• _WORK INSTRUCTION_
Copy each line below containing "IFCRELAGGREGATES".

[[ GIVEN DATA open ]]

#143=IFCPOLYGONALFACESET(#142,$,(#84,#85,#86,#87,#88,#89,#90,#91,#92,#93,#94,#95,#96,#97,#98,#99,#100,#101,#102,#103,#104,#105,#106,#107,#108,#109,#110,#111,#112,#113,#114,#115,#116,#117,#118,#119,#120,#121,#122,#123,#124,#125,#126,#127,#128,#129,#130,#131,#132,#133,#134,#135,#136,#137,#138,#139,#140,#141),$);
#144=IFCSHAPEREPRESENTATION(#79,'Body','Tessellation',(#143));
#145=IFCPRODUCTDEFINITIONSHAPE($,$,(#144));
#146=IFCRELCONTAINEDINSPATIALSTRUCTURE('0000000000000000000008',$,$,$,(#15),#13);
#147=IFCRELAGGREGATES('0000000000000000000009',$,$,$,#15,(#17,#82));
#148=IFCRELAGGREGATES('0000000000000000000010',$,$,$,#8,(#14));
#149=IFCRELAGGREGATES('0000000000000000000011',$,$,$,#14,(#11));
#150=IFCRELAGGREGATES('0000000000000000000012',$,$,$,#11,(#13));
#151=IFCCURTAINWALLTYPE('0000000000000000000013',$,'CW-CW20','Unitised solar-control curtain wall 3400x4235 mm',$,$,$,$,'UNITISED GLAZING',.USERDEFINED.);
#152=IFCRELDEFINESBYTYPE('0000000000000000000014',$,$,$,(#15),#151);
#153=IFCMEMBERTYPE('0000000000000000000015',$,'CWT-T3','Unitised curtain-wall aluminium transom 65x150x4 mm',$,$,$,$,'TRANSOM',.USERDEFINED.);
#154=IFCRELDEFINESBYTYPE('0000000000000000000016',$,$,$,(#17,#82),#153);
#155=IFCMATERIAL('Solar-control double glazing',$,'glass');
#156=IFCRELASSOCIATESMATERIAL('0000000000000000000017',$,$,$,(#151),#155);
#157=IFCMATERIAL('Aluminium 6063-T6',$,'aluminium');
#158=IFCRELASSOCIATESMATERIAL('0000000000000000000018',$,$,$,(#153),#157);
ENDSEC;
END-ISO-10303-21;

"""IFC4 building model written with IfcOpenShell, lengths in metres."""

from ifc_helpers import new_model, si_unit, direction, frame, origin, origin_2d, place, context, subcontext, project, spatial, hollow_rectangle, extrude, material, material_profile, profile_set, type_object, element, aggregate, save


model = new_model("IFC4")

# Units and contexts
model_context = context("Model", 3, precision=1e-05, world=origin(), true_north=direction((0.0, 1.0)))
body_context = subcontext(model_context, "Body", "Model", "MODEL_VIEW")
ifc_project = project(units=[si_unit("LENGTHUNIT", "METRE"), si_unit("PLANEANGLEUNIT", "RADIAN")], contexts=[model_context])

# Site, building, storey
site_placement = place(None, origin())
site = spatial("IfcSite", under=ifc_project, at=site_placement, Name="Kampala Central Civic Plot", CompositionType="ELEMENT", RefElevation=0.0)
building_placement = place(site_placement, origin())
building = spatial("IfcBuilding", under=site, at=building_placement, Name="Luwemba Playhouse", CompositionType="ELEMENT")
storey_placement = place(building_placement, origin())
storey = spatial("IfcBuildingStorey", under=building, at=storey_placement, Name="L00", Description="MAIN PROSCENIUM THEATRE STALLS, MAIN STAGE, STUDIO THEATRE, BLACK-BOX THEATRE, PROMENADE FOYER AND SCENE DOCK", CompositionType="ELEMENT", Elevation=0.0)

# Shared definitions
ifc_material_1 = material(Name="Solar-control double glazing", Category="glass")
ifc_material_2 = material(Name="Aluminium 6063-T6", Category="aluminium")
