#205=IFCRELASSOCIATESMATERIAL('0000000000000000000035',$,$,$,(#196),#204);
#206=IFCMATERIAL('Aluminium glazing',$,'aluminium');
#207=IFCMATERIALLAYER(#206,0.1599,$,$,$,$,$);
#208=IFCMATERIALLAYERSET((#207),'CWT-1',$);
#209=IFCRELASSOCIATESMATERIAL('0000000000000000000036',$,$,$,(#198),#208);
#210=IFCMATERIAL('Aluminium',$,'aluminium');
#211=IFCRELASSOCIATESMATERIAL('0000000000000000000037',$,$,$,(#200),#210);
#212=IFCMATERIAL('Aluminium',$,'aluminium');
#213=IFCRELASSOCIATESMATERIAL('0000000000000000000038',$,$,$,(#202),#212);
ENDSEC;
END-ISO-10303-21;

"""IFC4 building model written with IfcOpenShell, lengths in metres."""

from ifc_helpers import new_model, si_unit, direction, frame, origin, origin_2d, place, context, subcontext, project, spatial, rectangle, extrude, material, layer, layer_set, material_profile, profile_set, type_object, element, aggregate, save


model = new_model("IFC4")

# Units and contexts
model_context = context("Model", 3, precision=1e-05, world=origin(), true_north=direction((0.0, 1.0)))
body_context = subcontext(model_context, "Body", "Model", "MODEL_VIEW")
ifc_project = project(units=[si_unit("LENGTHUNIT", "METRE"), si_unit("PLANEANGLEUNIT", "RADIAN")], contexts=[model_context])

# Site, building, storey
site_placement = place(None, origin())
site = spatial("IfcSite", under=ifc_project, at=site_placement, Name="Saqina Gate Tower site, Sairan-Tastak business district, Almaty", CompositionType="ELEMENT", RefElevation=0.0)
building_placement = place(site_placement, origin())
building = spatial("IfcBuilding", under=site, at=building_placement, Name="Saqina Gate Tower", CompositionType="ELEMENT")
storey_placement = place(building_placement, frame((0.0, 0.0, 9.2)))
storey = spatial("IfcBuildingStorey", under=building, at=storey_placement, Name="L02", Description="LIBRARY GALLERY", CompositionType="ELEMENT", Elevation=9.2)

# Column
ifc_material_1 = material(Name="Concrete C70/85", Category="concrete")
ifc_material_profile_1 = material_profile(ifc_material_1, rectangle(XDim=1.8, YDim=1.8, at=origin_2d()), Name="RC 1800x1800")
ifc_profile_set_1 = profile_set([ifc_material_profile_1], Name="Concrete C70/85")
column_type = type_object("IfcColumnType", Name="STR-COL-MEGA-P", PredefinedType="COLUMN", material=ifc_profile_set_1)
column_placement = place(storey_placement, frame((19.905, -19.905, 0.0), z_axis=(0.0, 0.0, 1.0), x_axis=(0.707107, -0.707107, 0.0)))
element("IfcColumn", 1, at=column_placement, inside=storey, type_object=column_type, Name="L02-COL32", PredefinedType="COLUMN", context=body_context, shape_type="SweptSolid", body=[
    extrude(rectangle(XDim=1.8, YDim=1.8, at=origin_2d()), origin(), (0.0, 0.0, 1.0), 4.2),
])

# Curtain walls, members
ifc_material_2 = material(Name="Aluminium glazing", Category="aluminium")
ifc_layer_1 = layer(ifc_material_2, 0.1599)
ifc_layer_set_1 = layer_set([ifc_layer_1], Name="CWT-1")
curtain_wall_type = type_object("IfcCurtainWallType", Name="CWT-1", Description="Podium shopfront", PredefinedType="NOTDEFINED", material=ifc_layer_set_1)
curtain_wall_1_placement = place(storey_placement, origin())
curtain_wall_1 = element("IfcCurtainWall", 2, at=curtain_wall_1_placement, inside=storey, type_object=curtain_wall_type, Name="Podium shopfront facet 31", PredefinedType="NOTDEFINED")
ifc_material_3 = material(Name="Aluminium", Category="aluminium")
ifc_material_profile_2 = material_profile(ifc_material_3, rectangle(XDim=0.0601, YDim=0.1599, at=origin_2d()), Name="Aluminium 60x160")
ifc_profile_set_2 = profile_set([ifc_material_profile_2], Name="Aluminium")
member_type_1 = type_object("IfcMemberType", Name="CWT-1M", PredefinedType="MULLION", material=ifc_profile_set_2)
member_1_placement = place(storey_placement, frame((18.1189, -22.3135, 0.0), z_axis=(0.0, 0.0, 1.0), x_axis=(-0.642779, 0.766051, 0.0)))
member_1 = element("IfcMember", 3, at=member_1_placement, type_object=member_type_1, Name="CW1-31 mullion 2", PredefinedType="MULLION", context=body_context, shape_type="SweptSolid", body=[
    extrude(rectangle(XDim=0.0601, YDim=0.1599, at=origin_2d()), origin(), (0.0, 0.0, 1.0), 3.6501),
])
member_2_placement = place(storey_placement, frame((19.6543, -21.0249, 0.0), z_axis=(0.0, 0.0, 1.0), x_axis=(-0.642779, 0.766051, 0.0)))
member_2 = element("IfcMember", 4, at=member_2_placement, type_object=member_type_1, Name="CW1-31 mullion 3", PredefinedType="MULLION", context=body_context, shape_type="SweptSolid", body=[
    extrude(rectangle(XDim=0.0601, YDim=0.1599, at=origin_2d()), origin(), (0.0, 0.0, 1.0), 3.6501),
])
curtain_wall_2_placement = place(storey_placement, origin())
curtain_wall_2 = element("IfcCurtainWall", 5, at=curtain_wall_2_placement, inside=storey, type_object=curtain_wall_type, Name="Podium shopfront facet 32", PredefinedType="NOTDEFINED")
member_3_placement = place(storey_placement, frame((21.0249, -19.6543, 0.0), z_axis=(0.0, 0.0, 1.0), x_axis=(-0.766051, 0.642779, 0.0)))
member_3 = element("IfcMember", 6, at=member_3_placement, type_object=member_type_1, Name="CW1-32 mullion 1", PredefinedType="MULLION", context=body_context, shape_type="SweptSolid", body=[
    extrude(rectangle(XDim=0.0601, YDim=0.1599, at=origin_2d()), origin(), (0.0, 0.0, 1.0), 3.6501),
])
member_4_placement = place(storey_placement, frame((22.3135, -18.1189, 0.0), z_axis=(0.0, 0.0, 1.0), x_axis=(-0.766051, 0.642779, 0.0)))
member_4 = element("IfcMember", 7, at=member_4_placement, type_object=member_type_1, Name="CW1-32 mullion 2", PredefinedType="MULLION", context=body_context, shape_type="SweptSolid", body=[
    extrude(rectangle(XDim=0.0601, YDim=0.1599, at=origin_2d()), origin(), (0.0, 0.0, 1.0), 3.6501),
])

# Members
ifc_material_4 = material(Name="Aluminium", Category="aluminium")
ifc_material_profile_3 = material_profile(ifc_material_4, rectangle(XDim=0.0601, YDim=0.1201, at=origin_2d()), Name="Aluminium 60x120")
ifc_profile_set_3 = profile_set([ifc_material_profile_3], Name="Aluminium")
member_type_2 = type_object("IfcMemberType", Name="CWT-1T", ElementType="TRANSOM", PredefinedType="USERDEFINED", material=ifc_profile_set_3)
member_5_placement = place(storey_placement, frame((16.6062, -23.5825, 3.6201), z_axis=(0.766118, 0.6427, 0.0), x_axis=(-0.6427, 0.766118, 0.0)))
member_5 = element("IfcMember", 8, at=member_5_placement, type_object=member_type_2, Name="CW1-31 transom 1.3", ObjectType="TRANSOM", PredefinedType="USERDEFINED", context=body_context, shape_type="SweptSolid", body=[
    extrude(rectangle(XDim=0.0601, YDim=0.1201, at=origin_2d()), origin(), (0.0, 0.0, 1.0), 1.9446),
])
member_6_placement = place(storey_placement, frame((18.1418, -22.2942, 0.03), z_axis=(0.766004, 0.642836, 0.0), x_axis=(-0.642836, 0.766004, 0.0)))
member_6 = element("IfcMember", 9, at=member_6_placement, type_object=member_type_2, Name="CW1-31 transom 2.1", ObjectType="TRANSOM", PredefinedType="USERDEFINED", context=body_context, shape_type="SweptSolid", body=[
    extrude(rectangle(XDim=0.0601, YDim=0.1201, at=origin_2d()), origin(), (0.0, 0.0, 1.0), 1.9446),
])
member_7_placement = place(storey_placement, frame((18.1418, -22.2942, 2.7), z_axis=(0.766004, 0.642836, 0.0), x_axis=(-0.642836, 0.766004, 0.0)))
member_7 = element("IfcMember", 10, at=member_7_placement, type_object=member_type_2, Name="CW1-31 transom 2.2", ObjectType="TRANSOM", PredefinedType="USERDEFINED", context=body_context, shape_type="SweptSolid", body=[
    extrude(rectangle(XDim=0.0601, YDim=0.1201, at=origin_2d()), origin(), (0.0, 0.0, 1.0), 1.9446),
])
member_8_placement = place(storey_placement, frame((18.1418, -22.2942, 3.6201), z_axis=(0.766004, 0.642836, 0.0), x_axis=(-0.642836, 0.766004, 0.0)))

[[ GIVEN DATA closed ]]

• _RESPONSE TO THE EXERCISE_
#147=IFCRELAGGREGATES('0000000000000000000009',$,$,$,#15,(#17,#82));
#148=IFCRELAGGREGATES('0000000000000000000010',$,$,$,#8,(#14));
#149=IFCRELAGGREGATES('0000000000000000000011',$,$,$,#14,(#11));
#150=IFCRELAGGREGATES('0000000000000000000012',$,$,$,#11,(#13));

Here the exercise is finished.